The answer must restate the records below word for word.

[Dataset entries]
━━━━━━━━━━

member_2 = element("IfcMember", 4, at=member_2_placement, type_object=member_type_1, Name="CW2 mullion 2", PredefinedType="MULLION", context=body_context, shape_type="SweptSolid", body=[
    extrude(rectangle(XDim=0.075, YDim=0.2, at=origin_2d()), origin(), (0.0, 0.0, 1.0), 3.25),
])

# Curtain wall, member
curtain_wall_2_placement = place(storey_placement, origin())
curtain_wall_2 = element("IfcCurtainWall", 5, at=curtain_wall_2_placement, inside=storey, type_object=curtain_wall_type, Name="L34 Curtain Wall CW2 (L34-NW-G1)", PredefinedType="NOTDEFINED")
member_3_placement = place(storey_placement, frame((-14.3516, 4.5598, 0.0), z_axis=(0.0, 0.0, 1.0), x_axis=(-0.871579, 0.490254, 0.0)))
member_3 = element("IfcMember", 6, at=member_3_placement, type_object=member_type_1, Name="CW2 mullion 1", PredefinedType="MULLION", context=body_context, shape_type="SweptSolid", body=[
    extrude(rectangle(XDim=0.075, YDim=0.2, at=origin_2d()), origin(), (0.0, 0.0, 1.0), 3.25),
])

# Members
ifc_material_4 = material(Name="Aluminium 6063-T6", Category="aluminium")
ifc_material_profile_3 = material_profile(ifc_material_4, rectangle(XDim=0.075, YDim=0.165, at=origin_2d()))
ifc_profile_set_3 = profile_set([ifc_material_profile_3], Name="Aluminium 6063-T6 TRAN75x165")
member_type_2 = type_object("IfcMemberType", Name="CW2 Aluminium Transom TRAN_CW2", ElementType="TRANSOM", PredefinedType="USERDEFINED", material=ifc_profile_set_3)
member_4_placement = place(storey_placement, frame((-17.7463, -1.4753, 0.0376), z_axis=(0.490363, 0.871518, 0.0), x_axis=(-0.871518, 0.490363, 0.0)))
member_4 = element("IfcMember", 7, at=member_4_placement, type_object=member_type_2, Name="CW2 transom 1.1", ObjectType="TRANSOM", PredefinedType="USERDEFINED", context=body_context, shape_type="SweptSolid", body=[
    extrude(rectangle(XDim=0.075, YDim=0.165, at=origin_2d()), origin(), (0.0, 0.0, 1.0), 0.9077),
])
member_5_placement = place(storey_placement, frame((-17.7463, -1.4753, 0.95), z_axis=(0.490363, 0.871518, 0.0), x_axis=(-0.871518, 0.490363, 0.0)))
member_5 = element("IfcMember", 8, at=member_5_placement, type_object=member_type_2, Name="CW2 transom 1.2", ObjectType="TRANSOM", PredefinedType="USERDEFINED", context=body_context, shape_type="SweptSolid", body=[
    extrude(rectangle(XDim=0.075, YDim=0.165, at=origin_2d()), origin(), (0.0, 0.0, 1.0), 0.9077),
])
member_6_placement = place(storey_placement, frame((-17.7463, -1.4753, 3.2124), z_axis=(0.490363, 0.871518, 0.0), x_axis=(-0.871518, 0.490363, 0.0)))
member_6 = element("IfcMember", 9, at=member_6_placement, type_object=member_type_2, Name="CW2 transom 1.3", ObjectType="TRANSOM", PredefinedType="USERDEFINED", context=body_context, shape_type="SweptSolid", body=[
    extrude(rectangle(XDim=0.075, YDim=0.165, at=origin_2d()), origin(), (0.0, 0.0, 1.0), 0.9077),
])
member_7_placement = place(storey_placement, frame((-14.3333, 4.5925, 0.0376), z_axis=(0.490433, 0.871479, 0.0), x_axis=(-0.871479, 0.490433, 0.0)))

━━━━━━━━━━

Answer to this problem:
member_2 = element("IfcMember", 4, at=member_2_placement, type_object=member_type_1, Name="CW2 mullion 2", PredefinedType="MULLION", context=body_context, shape_type="SweptSolid", body=[
    extrude(rectangle(XDim=0.075, YDim=0.2, at=origin_2d()), origin(), (0.0, 0.0, 1.0), 3.25),
])

# Curtain wall, member
curtain_wall_2_placement = place(storey_placement, origin())
curtain_wall_2 = element("IfcCurtainWall", 5, at=curtain_wall_2_placement, inside=storey, type_object=curtain_wall_type, Name="L34 Curtain Wall CW2 (L34-NW-G1)", PredefinedType="NOTDEFINED")
member_3_placement = place(storey_placement, frame((-14.3516, 4.5598, 0.0), z_axis=(0.0, 0.0, 1.0), x_axis=(-0.871579, 0.490254, 0.0)))
member_3 = element("IfcMember", 6, at=member_3_placement, type_object=member_type_1, Name="CW2 mullion 1", PredefinedType="MULLION", context=body_context, shape_type="SweptSolid", body=[
    extrude(rectangle(XDim=0.075, YDim=0.2, at=origin_2d()), origin(), (0.0, 0.0, 1.0), 3.25),
])

# Members
ifc_material_4 = material(Name="Aluminium 6063-T6", Category="aluminium")
ifc_material_profile_3 = material_profile(ifc_material_4, rectangle(XDim=0.075, YDim=0.165, at=origin_2d()))
ifc_profile_set_3 = profile_set([ifc_material_profile_3], Name="Aluminium 6063-T6 TRAN75x165")
member_type_2 = type_object("IfcMemberType", Name="CW2 Aluminium Transom TRAN_CW2", ElementType="TRANSOM", PredefinedType="USERDEFINED", material=ifc_profile_set_3)
member_4_placement = place(storey_placement, frame((-17.7463, -1.4753, 0.0376), z_axis=(0.490363, 0.871518, 0.0), x_axis=(-0.871518, 0.490363, 0.0)))
member_4 = element("IfcMember", 7, at=member_4_placement, type_object=member_type_2, Name="CW2 transom 1.1", ObjectType="TRANSOM", PredefinedType="USERDEFINED", context=body_context, shape_type="SweptSolid", body=[
    extrude(rectangle(XDim=0.075, YDim=0.165, at=origin_2d()), origin(), (0.0, 0.0, 1.0), 0.9077),
])
member_5_placement = place(storey_placement, frame((-17.7463, -1.4753, 0.95), z_axis=(0.490363, 0.871518, 0.0), x_axis=(-0.871518, 0.490363, 0.0)))
member_5 = element("IfcMember", 8, at=member_5_placement, type_object=member_type_2, Name="CW2 transom 1.2", ObjectType="TRANSOM", PredefinedType="USERDEFINED", context=body_context, shape_type="SweptSolid", body=[
    extrude(rectangle(XDim=0.075, YDim=0.165, at=origin_2d()), origin(), (0.0, 0.0, 1.0), 0.9077),
])
member_6_placement = place(storey_placement, frame((-17.7463, -1.4753, 3.2124), z_axis=(0.490363, 0.871518, 0.0), x_axis=(-0.871518, 0.490363, 0.0)))
member_6 = element("IfcMember", 9, at=member_6_placement, type_object=member_type_2, Name="CW2 transom 1.3", ObjectType="TRANSOM", PredefinedType="USERDEFINED", context=body_context, shape_type="SweptSolid", body=[
    extrude(rectangle(XDim=0.075, YDim=0.165, at=origin_2d()), origin(), (0.0, 0.0, 1.0), 0.9077),
])
member_7_placement = place(storey_placement, frame((-14.3333, 4.5925, 0.0376), z_axis=(0.490433, 0.871479, 0.0), x_axis=(-0.871479, 0.490433, 0.0)))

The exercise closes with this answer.